[Stored data entries]
#####
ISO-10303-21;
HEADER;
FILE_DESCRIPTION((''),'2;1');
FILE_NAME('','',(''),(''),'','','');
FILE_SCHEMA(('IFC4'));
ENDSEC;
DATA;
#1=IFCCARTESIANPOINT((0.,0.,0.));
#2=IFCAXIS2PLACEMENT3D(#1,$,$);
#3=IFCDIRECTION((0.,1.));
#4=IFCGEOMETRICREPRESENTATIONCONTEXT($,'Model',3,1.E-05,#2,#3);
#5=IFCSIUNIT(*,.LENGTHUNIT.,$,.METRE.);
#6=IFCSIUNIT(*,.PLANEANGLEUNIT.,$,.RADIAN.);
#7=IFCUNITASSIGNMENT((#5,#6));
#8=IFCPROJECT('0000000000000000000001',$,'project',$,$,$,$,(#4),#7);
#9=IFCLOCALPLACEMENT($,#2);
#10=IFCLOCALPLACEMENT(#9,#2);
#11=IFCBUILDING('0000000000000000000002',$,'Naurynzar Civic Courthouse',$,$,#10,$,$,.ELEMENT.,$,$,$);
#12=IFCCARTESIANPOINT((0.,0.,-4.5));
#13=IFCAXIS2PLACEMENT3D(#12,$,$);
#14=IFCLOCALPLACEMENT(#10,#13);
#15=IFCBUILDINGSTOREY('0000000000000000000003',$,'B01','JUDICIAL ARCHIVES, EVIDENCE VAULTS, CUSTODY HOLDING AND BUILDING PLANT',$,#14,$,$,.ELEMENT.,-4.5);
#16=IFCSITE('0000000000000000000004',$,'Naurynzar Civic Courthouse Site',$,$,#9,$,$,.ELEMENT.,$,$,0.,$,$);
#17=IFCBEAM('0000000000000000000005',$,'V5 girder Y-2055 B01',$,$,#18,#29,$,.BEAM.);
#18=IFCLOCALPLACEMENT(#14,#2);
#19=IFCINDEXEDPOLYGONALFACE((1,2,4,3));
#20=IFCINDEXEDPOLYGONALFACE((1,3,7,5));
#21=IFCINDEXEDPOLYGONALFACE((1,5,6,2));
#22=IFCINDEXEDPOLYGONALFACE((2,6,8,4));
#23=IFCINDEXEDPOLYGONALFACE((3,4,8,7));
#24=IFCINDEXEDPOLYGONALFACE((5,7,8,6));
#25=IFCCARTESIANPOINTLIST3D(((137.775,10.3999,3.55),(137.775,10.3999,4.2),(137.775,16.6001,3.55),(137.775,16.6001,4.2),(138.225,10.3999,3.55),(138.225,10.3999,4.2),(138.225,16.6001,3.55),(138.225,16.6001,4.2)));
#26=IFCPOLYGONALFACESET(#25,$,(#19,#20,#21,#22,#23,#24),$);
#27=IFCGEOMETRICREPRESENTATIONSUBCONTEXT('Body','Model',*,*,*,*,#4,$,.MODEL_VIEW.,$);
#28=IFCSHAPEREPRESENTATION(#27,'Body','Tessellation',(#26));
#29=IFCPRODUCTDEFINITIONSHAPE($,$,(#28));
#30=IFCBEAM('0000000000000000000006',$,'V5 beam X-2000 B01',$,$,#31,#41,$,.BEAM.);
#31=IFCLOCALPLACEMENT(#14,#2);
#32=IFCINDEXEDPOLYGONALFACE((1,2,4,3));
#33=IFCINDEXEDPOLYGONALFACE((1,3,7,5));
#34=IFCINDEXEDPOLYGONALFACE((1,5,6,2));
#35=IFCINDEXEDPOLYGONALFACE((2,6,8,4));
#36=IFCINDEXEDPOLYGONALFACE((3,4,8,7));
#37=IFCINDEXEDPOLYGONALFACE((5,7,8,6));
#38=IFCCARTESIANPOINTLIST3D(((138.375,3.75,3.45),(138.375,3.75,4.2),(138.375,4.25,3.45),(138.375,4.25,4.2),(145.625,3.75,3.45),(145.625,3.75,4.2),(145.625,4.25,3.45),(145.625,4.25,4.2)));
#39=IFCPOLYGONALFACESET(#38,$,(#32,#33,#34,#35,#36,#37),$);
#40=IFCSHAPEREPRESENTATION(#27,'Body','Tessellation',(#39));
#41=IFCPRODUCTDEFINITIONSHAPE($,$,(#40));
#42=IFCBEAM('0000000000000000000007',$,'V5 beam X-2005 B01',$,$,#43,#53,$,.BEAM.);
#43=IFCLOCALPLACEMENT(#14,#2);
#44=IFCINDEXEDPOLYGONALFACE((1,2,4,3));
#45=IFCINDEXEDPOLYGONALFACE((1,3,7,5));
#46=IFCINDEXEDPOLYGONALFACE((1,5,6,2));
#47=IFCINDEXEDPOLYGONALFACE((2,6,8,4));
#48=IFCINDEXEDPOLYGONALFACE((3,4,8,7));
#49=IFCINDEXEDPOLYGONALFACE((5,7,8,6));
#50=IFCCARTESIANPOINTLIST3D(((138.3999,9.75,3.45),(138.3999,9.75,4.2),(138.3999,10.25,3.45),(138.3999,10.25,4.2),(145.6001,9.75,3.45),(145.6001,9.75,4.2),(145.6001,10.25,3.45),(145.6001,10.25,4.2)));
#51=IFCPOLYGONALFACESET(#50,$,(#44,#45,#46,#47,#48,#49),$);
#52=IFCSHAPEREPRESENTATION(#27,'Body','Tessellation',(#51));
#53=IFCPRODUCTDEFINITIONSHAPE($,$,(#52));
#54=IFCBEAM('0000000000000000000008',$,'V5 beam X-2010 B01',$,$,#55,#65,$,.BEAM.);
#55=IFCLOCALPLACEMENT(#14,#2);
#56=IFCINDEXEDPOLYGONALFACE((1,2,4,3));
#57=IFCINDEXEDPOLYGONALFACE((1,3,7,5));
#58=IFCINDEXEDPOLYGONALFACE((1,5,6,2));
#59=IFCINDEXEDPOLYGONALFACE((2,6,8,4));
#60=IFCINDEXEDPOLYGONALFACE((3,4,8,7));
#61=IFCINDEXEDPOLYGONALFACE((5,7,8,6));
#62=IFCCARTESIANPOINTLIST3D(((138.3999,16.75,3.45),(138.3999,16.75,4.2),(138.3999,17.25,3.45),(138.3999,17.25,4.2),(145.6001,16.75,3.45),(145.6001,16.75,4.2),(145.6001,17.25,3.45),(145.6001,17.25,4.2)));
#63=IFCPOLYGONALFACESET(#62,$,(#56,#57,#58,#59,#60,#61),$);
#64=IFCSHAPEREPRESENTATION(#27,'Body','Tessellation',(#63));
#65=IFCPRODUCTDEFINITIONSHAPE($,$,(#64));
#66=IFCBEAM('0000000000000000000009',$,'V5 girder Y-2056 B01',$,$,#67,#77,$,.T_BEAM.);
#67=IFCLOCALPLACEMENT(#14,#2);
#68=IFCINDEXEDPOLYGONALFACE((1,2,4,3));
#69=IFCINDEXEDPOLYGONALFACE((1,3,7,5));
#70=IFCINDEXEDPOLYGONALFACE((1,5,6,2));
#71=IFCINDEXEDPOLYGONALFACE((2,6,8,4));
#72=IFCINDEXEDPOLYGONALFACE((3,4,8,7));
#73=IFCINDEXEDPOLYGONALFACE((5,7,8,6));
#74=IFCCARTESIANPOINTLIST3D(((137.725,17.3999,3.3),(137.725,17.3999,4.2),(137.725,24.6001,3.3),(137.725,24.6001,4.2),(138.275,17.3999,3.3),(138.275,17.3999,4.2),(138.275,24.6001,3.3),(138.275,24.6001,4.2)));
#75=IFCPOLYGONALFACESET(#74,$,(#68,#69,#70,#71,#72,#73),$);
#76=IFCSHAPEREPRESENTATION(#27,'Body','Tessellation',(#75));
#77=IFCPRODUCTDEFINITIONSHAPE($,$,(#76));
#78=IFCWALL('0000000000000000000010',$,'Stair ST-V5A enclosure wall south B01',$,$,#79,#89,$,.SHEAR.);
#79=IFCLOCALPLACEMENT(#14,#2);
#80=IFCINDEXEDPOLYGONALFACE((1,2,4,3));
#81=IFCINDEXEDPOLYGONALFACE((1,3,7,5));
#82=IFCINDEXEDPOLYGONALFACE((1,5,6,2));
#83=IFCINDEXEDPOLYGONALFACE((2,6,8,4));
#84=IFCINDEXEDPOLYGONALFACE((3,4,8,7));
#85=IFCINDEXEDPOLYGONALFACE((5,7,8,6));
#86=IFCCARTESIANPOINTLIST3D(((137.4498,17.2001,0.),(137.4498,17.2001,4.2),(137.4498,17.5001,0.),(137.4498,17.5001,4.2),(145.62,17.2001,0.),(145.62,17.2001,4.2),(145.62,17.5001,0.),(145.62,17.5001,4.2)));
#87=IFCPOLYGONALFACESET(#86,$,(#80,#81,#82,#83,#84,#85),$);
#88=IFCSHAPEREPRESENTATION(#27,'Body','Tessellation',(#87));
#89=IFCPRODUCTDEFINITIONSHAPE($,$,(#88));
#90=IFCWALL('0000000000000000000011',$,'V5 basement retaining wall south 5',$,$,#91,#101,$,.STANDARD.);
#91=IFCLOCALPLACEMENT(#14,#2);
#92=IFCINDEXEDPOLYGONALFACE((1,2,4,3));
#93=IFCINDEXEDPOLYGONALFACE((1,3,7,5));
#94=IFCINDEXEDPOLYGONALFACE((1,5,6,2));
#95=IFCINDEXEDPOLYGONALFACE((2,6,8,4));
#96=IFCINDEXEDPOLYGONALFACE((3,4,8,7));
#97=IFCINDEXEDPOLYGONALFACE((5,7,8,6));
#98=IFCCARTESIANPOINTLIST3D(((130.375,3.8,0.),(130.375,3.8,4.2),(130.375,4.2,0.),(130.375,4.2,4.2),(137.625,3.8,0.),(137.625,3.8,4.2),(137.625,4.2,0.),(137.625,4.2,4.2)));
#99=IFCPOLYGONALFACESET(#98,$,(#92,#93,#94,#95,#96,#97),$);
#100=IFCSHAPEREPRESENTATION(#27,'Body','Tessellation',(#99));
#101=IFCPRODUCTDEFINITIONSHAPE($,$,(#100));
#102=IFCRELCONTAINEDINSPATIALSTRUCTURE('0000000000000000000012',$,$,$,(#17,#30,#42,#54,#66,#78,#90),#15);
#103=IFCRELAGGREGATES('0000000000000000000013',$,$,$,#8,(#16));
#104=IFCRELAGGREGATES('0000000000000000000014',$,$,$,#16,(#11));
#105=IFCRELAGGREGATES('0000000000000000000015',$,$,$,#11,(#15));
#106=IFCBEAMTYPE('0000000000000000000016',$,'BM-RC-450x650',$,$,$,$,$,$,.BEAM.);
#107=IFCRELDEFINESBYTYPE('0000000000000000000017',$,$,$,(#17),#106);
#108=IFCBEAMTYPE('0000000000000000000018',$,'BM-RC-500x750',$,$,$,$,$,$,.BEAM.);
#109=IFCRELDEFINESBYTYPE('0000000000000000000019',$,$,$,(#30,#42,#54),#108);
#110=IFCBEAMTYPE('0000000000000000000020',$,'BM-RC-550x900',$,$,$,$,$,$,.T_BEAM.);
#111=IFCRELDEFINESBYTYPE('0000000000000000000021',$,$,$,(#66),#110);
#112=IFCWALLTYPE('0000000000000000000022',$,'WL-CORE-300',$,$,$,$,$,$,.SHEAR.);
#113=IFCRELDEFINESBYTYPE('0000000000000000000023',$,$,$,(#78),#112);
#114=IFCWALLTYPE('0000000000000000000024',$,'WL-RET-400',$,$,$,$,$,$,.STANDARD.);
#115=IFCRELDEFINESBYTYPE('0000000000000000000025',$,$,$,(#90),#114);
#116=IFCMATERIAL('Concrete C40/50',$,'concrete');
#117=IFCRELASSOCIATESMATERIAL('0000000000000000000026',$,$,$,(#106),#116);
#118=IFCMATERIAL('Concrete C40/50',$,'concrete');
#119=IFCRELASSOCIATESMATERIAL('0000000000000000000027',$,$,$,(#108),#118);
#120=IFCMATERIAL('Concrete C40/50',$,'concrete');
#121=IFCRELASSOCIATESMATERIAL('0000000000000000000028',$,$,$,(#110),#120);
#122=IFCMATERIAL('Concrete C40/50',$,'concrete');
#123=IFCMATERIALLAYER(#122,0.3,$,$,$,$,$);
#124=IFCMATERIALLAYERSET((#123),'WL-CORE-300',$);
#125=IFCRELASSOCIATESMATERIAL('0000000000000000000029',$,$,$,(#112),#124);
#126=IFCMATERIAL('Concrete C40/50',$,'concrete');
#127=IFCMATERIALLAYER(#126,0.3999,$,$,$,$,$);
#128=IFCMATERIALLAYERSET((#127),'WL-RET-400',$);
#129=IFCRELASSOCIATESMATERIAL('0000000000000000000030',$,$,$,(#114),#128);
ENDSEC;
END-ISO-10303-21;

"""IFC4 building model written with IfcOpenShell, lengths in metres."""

from ifc_helpers import new_model, si_unit, direction, frame, frame_2d, origin, origin_2d, place, context, subcontext, project, spatial, rectangle, extrude, material, layer, layer_set, material_profile, profile_set, type_object, element, save


model = new_model("IFC4")

# Units and contexts
model_context = context("Model", 3, precision=1e-05, world=origin(), true_north=direction((0.0, 1.0)))
body_context = subcontext(model_context, "Body", "Model", "MODEL_VIEW")
ifc_project = project(units=[si_unit("LENGTHUNIT", "METRE"), si_unit("PLANEANGLEUNIT", "RADIAN")], contexts=[model_context])

# Site, building, storey
site_placement = place(None, origin())
site = spatial("IfcSite", under=ifc_project, at=site_placement, Name="Naurynzar Civic Courthouse Site", CompositionType="ELEMENT", RefElevation=0.0)
building_placement = place(site_placement, origin())
building = spatial("IfcBuilding", under=site, at=building_placement, Name="Naurynzar Civic Courthouse", CompositionType="ELEMENT")
storey_placement = place(building_placement, frame((0.0, 0.0, -4.5)))
storey = spatial("IfcBuildingStorey", under=building, at=storey_placement, Name="B01", Description="JUDICIAL ARCHIVES, EVIDENCE VAULTS, CUSTODY HOLDING AND BUILDING PLANT", CompositionType="ELEMENT", Elevation=-4.5)

# Beams
ifc_material_1 = material(Name="Concrete C40/50", Category="concrete")
ifc_material_profile_1 = material_profile(ifc_material_1, rectangle(XDim=0.45, YDim=0.6499, at=origin_2d()), Name="RCB 450x650")
ifc_profile_set_1 = profile_set([ifc_material_profile_1], Name="Concrete C40/50")
beam_type_1 = type_object("IfcBeamType", Name="BM-RC-450x650", PredefinedType="BEAM", material=ifc_profile_set_1)
beam_1_placement = place(storey_placement, frame((138.0, 10.3999, 3.875), z_axis=(0.0, 1.0, 0.0), x_axis=(-1.0, 0.0, 0.0)))
element("IfcBeam", 1, at=beam_1_placement, inside=storey, type_object=beam_type_1, Name="V5 girder Y-2055 B01", PredefinedType="BEAM", context=body_context, shape_type="SweptSolid", body=[
    extrude(rectangle(XDim=0.45, YDim=0.6499, at=origin_2d()), origin(), (0.0, 0.0, 1.0), 6.2002),
])
ifc_material_2 = material(Name="Concrete C40/50", Category="concrete")
ifc_material_profile_2 = material_profile(ifc_material_2, rectangle(XDim=0.5, YDim=0.75, at=origin_2d()), Name="RCB 500x750")
ifc_profile_set_2 = profile_set([ifc_material_profile_2], Name="Concrete C40/50")
beam_type_2 = type_object("IfcBeamType", Name="BM-RC-500x750", PredefinedType="BEAM", material=ifc_profile_set_2)
beam_2_placement = place(storey_placement, frame((138.375, 4.0, 3.825), z_axis=(1.0, 0.0, 0.0), x_axis=(0.0, 1.0, 0.0)))
element("IfcBeam", 2, at=beam_2_placement, inside=storey, type_object=beam_type_2, Name="V5 beam X-2000 B01", PredefinedType="BEAM", context=body_context, shape_type="SweptSolid", body=[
#####
> [Exercise] Exactly how many lines of the records hold "IFCRELASSOCIATESMATERIAL"? Give the number without any words.

> [Solution to the exercise] 5